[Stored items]
Segment Open
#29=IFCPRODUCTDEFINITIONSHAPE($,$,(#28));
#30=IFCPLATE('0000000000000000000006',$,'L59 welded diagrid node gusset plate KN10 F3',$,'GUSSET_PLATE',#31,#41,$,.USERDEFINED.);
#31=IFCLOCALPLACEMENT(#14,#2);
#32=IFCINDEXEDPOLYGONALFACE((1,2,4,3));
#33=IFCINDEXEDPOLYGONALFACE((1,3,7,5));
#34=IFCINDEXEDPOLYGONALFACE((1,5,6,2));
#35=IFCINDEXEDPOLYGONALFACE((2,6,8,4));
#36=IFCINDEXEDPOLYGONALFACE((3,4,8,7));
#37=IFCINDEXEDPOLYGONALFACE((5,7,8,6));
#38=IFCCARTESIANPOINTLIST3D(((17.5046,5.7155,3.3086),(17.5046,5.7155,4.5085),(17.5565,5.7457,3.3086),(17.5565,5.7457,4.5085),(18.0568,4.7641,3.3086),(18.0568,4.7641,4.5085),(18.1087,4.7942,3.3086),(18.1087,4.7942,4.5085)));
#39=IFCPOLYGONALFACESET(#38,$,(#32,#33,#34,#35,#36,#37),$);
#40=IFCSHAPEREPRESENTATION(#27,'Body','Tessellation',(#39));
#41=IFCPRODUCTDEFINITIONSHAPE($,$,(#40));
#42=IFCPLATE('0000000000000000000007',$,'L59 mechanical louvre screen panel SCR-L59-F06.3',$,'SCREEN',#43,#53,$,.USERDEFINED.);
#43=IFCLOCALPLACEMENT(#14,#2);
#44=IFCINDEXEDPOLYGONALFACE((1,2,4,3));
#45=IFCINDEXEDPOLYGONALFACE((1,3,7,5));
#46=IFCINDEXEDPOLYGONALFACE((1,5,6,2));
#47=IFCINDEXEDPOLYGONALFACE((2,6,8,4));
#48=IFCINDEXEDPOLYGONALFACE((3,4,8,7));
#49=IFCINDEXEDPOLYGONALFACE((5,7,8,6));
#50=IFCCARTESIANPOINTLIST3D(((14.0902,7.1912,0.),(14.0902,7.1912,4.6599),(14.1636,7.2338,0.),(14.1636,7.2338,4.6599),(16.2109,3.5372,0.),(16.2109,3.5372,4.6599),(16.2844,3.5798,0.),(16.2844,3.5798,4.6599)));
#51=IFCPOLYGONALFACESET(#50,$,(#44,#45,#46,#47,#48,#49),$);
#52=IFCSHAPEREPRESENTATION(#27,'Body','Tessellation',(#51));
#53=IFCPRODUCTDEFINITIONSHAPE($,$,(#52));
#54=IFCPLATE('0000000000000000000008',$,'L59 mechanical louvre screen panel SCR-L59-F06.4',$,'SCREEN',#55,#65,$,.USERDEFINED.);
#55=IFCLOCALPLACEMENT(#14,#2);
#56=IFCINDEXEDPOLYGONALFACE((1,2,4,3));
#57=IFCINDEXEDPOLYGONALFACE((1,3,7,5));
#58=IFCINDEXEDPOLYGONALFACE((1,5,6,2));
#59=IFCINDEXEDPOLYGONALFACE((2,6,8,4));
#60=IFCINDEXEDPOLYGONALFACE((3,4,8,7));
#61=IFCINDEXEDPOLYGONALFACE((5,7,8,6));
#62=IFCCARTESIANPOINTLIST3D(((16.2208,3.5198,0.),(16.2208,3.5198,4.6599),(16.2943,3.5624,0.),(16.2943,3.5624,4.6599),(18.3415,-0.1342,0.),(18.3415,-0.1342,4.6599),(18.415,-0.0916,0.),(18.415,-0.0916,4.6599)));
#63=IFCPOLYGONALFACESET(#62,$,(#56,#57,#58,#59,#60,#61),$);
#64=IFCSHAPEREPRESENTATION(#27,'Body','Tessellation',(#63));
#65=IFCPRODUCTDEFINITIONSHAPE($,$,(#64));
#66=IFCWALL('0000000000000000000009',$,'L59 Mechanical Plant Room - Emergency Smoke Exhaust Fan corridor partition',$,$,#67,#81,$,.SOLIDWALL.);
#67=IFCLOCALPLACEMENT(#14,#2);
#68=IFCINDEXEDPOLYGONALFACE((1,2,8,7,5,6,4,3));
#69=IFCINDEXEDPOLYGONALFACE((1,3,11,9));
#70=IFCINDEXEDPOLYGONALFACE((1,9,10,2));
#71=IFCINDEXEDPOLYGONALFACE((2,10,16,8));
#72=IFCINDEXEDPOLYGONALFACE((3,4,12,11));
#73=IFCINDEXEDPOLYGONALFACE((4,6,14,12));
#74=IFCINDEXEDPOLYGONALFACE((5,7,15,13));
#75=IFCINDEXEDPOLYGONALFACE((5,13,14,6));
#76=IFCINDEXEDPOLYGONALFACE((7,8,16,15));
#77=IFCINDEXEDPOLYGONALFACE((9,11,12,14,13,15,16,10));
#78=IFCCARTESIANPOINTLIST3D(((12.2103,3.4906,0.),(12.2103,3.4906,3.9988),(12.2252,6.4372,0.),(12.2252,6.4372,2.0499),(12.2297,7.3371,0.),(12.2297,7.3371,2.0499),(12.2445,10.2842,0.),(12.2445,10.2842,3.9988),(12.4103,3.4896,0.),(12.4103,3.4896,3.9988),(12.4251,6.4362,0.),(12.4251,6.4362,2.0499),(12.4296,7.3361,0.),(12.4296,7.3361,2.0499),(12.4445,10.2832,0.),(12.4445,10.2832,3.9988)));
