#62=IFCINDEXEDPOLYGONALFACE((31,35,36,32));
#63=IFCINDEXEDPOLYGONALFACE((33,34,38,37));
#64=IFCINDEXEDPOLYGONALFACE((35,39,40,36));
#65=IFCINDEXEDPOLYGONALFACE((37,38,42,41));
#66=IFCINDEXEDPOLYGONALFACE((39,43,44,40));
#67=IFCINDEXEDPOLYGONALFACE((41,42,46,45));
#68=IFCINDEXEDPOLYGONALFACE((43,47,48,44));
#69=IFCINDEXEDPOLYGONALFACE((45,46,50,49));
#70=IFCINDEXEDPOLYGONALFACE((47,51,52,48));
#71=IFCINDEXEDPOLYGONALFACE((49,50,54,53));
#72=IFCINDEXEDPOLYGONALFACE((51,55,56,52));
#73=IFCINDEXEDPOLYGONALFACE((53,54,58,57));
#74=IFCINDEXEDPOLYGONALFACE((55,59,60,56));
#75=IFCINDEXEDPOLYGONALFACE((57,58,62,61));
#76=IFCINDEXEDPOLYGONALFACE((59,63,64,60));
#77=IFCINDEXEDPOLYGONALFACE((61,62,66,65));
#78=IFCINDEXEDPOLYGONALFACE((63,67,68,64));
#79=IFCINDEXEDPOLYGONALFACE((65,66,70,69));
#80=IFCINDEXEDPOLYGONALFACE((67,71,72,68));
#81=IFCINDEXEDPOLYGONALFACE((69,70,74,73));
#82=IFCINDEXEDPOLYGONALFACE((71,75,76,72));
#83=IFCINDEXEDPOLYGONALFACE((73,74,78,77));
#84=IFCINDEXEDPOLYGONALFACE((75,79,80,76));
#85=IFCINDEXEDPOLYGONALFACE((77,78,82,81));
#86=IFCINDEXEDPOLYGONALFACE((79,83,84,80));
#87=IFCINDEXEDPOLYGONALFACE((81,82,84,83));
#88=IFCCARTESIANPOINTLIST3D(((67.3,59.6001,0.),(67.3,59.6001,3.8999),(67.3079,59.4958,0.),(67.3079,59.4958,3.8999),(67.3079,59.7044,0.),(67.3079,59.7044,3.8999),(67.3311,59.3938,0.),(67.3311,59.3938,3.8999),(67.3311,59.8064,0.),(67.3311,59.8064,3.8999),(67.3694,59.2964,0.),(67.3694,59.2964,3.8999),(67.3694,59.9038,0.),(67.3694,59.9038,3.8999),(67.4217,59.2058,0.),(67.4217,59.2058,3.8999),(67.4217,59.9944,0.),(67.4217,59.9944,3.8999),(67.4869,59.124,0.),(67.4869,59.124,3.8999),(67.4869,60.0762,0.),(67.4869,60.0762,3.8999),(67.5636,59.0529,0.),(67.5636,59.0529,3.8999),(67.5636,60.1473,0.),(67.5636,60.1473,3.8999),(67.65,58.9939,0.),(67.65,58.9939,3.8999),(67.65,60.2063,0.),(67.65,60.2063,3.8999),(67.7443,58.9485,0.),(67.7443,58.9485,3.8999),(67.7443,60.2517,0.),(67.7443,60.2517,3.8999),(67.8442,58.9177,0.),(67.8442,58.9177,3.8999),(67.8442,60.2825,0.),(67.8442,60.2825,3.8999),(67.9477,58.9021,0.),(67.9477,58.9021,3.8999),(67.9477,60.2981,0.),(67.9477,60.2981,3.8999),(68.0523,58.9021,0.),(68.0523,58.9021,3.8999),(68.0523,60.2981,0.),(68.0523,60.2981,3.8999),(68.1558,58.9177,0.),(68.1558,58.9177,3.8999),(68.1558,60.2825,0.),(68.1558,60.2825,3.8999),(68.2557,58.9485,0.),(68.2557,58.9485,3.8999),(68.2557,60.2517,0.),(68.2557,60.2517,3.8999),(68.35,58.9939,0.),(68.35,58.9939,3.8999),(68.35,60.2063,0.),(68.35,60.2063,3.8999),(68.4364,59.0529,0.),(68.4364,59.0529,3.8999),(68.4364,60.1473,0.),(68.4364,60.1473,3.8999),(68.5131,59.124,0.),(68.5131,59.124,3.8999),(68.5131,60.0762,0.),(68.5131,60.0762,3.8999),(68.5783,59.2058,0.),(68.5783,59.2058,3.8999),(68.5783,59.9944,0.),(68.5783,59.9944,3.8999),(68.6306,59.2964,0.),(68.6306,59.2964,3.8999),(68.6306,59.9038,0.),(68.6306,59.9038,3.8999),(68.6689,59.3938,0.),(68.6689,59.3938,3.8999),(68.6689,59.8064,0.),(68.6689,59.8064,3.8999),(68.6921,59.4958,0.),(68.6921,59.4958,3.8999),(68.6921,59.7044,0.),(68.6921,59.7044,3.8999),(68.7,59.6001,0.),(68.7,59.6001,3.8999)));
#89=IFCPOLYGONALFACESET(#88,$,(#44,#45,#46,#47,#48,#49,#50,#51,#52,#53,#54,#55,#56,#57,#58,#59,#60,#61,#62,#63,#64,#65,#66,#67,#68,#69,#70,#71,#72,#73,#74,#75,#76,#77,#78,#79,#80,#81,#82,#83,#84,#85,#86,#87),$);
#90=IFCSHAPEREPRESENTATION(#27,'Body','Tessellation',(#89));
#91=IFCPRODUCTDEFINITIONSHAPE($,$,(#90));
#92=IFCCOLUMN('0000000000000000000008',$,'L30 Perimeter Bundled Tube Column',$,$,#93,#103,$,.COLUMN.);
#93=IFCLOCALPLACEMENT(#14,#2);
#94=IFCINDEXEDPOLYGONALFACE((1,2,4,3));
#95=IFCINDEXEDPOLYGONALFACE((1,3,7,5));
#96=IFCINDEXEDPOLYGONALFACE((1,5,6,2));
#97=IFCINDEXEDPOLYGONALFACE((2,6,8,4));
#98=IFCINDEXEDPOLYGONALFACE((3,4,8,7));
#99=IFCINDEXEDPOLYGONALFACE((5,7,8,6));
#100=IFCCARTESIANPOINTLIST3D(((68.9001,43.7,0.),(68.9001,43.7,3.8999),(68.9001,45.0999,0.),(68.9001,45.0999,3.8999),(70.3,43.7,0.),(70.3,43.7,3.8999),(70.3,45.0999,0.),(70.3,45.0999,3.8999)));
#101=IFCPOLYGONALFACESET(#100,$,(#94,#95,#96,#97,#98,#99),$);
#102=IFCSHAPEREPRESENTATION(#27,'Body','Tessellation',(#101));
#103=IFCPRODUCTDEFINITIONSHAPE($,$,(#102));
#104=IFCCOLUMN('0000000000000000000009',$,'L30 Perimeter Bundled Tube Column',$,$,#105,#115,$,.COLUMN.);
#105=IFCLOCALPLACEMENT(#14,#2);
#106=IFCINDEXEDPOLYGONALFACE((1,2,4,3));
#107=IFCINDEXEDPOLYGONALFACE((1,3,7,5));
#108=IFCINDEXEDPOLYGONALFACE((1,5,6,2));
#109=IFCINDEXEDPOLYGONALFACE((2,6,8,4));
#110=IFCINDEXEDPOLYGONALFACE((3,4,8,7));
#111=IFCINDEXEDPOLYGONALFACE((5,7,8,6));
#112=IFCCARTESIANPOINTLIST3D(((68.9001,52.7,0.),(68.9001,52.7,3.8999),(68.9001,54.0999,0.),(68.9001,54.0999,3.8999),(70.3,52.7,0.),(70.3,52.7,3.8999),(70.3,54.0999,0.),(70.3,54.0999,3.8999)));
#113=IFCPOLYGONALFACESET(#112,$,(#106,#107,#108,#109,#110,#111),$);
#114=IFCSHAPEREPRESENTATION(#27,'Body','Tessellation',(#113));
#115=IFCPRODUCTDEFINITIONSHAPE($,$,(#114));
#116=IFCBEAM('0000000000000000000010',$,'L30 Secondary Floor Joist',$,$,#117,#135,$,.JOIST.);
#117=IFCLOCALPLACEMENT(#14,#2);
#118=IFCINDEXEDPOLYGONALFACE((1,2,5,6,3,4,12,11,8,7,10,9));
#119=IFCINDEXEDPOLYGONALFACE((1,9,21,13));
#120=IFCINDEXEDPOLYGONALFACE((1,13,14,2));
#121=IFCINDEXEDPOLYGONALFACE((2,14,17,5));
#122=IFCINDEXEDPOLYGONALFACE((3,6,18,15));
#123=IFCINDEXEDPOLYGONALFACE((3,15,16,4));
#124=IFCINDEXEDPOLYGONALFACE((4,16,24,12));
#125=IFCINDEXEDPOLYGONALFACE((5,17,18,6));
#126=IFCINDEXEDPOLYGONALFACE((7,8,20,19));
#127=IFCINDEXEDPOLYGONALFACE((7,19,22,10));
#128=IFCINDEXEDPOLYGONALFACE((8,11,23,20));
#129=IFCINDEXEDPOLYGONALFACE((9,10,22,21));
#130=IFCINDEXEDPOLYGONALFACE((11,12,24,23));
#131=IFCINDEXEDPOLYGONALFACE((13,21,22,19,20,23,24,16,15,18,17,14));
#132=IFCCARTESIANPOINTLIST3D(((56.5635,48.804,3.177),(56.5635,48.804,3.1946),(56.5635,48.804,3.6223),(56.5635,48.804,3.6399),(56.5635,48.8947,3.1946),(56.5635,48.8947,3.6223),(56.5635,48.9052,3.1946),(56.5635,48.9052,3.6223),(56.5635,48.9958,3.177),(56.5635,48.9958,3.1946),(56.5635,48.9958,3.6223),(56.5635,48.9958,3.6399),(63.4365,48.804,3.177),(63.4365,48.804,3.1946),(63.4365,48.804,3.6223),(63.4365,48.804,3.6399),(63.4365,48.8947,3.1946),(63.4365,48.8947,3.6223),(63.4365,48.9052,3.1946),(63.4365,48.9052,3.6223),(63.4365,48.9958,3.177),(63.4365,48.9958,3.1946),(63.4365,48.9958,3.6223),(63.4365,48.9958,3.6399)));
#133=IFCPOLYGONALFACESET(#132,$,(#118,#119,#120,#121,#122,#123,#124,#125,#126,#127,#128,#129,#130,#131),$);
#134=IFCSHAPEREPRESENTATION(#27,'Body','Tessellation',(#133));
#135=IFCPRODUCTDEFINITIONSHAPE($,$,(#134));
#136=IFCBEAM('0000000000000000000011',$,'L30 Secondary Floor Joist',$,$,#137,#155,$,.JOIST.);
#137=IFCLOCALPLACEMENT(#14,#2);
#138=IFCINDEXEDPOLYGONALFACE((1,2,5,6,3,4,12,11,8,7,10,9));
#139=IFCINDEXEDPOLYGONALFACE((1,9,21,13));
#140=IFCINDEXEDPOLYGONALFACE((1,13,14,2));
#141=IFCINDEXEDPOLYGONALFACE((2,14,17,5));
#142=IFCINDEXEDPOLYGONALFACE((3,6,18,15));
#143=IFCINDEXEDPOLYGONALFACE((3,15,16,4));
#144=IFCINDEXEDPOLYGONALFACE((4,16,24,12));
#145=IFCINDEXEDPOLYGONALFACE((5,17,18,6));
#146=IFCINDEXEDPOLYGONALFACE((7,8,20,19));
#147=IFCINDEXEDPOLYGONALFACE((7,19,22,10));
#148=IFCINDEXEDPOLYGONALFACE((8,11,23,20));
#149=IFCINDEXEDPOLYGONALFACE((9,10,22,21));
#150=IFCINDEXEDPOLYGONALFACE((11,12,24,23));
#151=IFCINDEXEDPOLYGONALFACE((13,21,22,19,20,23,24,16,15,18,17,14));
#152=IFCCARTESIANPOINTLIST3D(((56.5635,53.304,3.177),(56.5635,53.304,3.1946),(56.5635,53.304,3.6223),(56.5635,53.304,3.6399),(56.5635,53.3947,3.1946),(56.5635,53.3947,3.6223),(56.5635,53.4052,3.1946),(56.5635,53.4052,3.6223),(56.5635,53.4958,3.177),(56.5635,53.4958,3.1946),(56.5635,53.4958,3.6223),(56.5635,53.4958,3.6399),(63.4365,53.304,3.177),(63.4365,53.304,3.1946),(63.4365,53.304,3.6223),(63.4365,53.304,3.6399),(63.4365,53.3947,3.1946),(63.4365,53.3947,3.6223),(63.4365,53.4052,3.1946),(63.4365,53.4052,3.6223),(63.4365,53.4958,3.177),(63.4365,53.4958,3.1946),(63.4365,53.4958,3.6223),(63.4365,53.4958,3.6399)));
Segment Closed
About this exercise ::
Starting at the first line of the records above, please copy every line exactly through the line containing "#41=IFCPRODUCTDEFINITIONSHAPE($,$,(#40));", and stop there.

Result of the exercise ::
#29=IFCPRODUCTDEFINITIONSHAPE($,$,(#28));
#30=IFCPLATE('0000000000000000000006',$,'L59 welded diagrid node gusset plate KN10 F3',$,'GUSSET_PLATE',#31,#41,$,.USERDEFINED.);
#31=IFCLOCALPLACEMENT(#14,#2);
#32=IFCINDEXEDPOLYGONALFACE((1,2,4,3));
#33=IFCINDEXEDPOLYGONALFACE((1,3,7,5));
#34=IFCINDEXEDPOLYGONALFACE((1,5,6,2));
#35=IFCINDEXEDPOLYGONALFACE((2,6,8,4));
#36=IFCINDEXEDPOLYGONALFACE((3,4,8,7));
#37=IFCINDEXEDPOLYGONALFACE((5,7,8,6));
#38=IFCCARTESIANPOINTLIST3D(((17.5046,5.7155,3.3086),(17.5046,5.7155,4.5085),(17.5565,5.7457,3.3086),(17.5565,5.7457,4.5085),(18.0568,4.7641,3.3086),(18.0568,4.7641,4.5085),(18.1087,4.7942,3.3086),(18.1087,4.7942,4.5085)));
#39=IFCPOLYGONALFACESET(#38,$,(#32,#33,#34,#35,#36,#37),$);
#40=IFCSHAPEREPRESENTATION(#27,'Body','Tessellation',(#39));
#41=IFCPRODUCTDEFINITIONSHAPE($,$,(#40));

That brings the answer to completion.